* Task to carry out
From the listing, collect all lines containing the word "aluminium".

▬▬▬

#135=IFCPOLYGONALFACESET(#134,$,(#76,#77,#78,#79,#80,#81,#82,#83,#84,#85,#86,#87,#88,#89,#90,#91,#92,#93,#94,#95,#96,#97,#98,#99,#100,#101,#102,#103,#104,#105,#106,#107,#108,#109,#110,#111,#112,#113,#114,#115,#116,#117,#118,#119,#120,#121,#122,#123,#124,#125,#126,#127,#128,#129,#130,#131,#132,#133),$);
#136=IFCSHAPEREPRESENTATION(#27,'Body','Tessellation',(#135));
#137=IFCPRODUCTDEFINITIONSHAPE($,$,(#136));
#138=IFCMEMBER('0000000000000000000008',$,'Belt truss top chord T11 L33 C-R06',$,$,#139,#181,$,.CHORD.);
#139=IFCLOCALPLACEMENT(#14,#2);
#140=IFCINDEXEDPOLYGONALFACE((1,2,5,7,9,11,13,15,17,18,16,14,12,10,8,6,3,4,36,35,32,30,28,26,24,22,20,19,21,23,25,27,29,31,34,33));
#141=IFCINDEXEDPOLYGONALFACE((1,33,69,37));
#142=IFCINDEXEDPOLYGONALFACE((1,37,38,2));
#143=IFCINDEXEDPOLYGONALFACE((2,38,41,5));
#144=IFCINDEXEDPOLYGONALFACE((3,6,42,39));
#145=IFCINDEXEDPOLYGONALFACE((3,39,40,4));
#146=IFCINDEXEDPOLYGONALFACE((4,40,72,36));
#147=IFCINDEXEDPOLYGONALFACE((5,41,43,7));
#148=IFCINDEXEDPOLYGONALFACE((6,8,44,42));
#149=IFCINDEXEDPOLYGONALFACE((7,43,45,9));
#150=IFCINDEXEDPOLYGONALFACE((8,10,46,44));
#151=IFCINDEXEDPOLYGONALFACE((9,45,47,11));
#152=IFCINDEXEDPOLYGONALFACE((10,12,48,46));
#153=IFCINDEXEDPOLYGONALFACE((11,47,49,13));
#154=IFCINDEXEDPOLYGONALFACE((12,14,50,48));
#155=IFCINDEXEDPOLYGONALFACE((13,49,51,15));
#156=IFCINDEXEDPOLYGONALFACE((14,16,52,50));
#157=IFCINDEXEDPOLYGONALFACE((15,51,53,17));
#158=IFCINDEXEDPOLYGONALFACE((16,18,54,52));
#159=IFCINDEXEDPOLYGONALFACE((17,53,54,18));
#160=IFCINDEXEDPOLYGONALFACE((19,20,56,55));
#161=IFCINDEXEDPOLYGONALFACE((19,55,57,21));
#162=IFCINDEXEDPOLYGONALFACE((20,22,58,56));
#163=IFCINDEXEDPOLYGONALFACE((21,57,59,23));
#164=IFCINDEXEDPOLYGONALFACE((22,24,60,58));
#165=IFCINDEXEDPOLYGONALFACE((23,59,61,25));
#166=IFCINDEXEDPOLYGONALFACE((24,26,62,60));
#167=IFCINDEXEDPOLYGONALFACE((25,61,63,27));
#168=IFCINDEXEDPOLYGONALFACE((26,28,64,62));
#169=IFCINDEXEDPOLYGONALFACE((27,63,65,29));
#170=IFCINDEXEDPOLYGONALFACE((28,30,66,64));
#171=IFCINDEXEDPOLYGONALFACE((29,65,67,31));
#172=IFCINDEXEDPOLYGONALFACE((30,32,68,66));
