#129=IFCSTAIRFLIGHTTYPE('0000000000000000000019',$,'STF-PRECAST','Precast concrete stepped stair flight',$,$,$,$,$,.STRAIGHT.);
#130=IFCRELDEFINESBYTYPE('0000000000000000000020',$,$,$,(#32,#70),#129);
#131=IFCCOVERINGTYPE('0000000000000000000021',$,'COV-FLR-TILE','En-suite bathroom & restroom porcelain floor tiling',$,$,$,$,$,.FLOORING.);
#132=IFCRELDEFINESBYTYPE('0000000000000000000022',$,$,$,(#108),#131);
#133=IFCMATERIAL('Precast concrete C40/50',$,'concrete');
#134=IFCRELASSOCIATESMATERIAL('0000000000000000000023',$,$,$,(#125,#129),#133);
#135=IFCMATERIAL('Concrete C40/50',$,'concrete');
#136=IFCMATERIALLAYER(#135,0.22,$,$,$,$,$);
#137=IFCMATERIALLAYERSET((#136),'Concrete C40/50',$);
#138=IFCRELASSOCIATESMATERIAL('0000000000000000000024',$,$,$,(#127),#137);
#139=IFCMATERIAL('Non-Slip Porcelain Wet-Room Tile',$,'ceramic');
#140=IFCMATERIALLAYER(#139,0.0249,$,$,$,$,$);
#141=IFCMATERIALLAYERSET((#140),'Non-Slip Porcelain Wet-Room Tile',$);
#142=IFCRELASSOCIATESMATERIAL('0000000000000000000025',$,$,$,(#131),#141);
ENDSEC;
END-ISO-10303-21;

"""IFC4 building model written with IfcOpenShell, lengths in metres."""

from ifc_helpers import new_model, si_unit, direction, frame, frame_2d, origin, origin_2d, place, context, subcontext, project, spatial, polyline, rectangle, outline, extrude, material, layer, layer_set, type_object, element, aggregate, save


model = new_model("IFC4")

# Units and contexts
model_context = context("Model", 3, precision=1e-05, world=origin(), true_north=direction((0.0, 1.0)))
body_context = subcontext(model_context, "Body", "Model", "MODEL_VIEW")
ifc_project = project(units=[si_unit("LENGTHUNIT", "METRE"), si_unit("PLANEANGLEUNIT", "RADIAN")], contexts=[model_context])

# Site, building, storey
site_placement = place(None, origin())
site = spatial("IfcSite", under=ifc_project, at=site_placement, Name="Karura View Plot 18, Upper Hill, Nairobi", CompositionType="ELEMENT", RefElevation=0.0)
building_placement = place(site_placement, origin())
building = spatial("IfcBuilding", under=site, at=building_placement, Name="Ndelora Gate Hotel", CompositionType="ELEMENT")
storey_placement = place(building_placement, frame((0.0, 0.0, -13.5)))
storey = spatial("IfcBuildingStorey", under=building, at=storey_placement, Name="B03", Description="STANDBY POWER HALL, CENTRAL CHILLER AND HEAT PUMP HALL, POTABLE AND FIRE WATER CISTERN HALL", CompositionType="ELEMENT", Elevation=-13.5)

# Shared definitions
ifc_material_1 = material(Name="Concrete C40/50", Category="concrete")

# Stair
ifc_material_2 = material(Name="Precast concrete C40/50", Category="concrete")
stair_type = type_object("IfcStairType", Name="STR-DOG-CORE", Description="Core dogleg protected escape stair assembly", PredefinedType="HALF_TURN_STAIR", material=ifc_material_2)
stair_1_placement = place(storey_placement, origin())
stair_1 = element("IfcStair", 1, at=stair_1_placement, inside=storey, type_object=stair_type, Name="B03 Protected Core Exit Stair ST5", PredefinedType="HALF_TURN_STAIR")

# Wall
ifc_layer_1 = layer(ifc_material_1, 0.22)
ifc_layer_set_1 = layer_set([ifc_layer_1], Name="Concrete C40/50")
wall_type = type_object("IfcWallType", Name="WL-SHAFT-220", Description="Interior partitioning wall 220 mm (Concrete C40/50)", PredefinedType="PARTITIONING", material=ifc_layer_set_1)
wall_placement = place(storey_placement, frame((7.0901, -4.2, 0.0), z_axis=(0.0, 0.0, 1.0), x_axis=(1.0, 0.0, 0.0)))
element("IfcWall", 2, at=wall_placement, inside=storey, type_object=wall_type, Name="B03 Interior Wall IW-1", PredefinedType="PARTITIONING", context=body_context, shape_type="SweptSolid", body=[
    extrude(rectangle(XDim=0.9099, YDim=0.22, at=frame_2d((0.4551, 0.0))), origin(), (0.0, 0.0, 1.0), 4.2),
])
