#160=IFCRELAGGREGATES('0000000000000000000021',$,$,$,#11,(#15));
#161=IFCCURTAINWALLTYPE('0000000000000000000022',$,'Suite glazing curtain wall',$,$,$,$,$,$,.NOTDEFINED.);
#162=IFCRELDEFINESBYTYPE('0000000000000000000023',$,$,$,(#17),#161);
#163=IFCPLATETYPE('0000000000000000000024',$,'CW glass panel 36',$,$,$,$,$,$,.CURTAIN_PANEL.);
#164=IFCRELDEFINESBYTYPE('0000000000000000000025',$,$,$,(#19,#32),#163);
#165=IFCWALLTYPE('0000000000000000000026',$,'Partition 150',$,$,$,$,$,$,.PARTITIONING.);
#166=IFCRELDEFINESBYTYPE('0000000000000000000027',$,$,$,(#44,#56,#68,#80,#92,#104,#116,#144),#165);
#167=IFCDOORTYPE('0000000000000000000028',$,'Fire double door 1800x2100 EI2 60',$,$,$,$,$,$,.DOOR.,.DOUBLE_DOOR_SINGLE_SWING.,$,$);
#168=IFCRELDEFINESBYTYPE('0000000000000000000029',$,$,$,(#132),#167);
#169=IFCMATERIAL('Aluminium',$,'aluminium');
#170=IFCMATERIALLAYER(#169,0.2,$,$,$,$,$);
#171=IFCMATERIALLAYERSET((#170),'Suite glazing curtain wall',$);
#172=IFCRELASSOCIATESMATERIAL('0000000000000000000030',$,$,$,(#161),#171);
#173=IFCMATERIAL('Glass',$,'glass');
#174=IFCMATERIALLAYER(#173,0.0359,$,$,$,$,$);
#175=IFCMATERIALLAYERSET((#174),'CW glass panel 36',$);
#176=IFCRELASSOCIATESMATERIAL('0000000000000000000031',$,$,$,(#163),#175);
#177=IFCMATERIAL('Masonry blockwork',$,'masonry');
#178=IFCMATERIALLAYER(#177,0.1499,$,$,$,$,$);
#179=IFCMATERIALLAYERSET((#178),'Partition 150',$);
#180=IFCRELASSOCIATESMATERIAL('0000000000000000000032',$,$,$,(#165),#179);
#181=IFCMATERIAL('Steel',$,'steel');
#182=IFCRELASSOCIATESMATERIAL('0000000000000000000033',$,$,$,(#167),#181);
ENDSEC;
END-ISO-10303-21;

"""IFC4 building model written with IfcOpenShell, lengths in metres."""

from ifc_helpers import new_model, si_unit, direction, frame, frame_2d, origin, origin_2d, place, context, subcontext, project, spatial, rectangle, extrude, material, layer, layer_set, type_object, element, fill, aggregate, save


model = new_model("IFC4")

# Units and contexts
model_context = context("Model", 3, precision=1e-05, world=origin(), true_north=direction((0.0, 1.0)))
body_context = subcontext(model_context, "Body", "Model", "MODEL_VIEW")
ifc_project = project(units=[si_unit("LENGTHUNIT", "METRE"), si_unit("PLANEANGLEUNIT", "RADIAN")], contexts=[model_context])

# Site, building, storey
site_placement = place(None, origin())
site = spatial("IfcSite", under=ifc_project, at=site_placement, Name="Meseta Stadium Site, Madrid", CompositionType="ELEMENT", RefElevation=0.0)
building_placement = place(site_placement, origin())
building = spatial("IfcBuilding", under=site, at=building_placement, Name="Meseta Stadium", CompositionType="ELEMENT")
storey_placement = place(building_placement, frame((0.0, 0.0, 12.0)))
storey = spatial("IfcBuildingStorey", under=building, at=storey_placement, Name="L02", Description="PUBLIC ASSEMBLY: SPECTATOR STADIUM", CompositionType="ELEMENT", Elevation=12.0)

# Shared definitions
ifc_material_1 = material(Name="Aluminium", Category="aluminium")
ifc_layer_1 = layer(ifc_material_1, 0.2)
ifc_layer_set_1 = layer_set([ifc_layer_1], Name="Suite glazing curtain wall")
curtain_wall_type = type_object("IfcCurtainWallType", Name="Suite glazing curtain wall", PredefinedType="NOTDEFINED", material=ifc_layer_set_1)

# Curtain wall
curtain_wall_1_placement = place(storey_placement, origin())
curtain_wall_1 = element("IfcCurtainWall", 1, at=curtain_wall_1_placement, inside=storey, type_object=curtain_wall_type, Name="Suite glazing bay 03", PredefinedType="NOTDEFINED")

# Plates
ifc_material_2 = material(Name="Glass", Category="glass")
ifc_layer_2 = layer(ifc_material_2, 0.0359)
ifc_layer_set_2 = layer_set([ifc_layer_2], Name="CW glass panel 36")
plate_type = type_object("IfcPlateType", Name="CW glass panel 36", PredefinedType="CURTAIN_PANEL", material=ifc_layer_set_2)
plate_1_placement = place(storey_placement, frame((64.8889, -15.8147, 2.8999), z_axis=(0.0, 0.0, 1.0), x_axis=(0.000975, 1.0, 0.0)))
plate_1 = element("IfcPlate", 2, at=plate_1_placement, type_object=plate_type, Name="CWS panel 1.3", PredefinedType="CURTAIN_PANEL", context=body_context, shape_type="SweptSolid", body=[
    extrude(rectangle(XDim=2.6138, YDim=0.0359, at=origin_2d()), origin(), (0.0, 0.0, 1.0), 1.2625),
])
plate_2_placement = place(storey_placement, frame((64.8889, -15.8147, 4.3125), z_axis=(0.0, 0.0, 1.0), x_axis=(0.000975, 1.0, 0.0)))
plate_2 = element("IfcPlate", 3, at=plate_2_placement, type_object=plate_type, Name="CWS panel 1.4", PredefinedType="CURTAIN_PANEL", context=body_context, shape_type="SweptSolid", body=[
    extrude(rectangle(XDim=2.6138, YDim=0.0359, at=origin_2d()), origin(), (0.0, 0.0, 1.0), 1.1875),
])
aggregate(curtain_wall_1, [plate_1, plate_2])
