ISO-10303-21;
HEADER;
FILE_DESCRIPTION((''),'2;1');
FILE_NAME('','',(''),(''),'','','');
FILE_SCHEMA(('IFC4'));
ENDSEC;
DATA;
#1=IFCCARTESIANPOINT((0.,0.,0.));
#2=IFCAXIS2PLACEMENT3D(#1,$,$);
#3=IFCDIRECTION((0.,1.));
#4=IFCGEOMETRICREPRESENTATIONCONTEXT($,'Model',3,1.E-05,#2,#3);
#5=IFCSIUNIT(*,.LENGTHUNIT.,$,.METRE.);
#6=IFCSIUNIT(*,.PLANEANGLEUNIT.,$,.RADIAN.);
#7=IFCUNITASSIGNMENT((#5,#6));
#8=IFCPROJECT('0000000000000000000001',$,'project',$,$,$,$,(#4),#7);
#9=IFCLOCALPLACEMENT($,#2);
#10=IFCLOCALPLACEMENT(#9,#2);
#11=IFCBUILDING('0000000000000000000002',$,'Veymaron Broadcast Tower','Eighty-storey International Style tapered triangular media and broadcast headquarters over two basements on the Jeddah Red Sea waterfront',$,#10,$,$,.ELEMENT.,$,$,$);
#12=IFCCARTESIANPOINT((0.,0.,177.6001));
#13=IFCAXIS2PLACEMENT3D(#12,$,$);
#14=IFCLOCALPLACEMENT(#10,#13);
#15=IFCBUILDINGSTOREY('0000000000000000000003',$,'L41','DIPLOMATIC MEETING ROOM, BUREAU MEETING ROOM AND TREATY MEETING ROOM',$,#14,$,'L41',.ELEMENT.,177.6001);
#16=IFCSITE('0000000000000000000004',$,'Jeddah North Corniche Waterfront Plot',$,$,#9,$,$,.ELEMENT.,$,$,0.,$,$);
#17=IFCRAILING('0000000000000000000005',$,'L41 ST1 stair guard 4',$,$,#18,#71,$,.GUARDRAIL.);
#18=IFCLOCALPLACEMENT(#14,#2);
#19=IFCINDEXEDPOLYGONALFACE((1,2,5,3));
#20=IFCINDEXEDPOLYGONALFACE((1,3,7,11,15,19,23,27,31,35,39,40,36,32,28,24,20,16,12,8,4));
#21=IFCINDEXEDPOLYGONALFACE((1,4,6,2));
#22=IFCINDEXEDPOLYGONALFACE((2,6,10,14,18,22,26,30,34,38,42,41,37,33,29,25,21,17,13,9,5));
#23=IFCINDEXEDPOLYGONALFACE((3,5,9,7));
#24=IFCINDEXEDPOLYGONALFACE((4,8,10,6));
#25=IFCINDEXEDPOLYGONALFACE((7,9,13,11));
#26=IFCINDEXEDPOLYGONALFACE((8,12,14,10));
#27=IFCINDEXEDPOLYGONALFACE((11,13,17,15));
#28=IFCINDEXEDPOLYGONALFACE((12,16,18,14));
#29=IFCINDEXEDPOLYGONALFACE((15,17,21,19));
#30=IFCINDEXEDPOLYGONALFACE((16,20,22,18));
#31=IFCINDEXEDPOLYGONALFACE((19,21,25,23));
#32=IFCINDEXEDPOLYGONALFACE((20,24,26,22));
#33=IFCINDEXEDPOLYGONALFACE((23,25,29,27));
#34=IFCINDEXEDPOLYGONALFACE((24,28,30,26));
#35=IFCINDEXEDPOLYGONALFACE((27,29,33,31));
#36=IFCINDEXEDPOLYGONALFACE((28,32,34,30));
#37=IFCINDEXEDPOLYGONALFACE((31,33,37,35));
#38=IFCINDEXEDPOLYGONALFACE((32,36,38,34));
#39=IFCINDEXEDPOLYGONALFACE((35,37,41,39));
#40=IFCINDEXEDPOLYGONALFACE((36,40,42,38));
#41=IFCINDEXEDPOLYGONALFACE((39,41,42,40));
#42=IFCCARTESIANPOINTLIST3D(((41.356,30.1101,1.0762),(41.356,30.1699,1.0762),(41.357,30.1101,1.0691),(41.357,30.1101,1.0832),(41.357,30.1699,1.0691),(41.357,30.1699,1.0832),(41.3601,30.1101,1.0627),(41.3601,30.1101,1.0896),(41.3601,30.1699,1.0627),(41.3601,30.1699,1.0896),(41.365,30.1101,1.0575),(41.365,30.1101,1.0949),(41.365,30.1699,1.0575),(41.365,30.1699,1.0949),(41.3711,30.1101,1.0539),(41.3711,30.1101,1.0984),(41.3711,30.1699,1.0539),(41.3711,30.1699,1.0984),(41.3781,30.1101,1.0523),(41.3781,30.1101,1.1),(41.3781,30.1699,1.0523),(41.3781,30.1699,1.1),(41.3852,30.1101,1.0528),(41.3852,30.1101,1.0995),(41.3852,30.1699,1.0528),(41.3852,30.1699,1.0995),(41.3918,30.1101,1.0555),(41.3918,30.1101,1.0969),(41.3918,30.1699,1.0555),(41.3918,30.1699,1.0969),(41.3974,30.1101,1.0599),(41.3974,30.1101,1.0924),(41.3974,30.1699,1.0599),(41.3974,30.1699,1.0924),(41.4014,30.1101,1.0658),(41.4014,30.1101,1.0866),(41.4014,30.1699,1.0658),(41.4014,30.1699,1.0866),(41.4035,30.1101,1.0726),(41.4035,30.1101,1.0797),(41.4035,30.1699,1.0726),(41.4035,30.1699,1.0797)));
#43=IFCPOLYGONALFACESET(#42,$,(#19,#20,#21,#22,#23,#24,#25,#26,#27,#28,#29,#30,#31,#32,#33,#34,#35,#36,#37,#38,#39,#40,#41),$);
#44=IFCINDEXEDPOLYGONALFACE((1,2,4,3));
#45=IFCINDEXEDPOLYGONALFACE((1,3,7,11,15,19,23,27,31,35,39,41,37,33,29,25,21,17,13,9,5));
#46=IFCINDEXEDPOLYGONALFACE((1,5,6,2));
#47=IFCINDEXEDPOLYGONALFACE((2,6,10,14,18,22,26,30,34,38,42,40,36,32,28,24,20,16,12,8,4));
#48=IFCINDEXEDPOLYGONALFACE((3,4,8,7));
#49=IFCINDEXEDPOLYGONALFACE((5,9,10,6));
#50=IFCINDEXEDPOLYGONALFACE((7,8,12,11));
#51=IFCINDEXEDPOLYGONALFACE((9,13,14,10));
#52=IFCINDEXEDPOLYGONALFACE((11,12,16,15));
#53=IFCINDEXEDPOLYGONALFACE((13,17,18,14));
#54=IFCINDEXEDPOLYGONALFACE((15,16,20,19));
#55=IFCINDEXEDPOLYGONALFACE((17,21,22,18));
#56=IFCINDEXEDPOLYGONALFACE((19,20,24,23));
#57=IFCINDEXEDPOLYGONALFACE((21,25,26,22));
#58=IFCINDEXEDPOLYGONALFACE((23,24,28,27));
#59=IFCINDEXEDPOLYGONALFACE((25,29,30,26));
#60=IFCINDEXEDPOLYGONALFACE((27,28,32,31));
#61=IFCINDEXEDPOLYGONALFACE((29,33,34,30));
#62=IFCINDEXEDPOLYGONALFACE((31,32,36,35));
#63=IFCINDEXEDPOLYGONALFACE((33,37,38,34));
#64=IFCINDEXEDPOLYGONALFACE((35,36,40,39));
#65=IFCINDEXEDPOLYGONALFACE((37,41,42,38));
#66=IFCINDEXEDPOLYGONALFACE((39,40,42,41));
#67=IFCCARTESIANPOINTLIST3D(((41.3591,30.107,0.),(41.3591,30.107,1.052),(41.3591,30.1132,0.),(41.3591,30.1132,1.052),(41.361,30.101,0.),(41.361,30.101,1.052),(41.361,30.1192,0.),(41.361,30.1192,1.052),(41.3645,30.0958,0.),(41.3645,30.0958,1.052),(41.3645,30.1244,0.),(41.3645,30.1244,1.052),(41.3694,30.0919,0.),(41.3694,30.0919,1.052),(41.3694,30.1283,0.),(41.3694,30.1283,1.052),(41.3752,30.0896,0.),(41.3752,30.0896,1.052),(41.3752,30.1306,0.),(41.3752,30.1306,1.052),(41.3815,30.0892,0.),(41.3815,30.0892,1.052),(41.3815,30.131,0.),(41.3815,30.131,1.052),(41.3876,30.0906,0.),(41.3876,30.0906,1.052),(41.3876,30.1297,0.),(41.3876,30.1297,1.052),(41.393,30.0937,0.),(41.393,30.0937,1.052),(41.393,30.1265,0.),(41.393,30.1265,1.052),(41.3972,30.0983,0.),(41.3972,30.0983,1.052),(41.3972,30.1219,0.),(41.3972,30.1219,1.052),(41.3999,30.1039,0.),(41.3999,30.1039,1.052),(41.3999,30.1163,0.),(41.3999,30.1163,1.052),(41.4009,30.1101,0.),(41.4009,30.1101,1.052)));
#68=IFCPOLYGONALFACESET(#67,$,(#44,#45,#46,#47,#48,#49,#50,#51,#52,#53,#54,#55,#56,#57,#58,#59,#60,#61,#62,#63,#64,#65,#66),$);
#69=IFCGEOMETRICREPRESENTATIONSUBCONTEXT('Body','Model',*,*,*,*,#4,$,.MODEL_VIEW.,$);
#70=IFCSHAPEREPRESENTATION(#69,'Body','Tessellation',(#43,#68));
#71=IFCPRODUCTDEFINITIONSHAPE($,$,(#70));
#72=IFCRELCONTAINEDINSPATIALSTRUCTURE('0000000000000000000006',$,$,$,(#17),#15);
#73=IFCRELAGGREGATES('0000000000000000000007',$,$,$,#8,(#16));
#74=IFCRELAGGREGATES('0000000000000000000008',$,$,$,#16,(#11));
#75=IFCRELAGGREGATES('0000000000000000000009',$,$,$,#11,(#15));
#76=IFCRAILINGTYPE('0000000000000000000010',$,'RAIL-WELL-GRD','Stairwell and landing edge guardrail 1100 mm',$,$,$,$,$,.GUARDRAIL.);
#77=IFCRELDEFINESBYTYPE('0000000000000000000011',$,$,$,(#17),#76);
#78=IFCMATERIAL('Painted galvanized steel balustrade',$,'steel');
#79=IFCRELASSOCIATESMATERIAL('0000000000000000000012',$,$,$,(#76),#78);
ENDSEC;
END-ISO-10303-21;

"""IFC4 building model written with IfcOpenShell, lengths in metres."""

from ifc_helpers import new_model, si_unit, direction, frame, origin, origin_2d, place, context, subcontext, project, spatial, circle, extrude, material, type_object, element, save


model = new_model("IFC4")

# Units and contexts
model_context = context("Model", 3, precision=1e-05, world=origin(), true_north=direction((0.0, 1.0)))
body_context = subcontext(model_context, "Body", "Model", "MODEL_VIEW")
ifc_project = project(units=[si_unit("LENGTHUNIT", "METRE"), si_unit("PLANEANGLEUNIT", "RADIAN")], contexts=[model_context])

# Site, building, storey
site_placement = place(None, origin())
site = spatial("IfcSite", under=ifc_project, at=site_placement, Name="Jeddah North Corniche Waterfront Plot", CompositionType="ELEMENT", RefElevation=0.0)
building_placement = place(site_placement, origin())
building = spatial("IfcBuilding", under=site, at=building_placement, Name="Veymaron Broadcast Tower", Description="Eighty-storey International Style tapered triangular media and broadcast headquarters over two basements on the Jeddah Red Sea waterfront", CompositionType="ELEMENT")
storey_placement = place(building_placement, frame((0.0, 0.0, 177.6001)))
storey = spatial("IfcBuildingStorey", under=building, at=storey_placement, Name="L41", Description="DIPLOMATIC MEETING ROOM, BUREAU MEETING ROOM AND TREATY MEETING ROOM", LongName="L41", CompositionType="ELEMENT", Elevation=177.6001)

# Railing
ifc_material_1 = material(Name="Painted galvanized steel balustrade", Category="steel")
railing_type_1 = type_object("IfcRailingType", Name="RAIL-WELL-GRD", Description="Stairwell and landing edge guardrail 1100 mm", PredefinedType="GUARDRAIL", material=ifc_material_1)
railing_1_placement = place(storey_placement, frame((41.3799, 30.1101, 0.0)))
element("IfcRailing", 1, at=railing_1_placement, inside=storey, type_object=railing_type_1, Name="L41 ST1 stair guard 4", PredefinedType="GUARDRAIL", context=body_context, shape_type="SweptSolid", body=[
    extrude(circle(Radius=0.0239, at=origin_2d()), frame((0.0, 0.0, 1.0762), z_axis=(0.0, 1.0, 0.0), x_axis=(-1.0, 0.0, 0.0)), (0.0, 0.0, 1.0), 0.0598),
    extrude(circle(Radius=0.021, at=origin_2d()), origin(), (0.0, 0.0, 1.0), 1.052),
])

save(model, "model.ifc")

▬▬▬

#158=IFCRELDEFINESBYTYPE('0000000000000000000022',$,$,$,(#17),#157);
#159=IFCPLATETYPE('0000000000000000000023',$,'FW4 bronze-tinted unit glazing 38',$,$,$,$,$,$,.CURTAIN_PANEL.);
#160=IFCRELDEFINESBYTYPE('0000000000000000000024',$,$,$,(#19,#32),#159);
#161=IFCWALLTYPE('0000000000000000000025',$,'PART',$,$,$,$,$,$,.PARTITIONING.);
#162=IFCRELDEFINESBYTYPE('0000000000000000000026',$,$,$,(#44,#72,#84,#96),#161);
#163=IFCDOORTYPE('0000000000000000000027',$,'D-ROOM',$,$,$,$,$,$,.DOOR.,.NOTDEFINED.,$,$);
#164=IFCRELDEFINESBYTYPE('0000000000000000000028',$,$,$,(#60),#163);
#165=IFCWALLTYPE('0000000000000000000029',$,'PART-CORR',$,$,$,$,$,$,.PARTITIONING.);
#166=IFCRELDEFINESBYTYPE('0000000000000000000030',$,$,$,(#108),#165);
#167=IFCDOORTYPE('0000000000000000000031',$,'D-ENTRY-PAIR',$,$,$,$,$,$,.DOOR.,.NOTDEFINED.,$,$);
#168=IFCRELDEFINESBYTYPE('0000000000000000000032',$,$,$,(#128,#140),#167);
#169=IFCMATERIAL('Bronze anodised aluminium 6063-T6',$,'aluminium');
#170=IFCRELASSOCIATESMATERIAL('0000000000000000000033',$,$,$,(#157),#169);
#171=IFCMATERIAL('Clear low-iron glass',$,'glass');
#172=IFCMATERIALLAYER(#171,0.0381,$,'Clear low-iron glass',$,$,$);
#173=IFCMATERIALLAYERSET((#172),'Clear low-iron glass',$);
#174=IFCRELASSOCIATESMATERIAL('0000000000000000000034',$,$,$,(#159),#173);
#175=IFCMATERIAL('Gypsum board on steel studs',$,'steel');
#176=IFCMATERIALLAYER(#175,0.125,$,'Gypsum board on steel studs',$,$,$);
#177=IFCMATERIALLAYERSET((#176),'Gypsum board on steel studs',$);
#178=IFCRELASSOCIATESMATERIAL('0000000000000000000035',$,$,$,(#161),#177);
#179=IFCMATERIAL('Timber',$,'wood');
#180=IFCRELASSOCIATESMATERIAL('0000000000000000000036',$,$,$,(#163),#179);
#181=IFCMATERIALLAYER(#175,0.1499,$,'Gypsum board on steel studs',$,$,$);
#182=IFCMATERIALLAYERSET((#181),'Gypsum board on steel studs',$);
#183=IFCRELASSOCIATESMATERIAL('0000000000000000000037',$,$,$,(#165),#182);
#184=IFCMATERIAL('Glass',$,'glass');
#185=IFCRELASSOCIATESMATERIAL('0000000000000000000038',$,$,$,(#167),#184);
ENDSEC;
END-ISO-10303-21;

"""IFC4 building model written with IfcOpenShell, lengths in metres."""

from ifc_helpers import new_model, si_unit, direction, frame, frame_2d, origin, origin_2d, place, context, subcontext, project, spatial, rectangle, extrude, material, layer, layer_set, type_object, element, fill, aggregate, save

▬▬▬

* Answer to the exercise
#169=IFCMATERIAL('Aluminium',$,'aluminium');
ifc_material_1 = material(Name="Aluminium", Category="aluminium")
#169=IFCMATERIAL('Bronze anodised aluminium 6063-T6',$,'aluminium');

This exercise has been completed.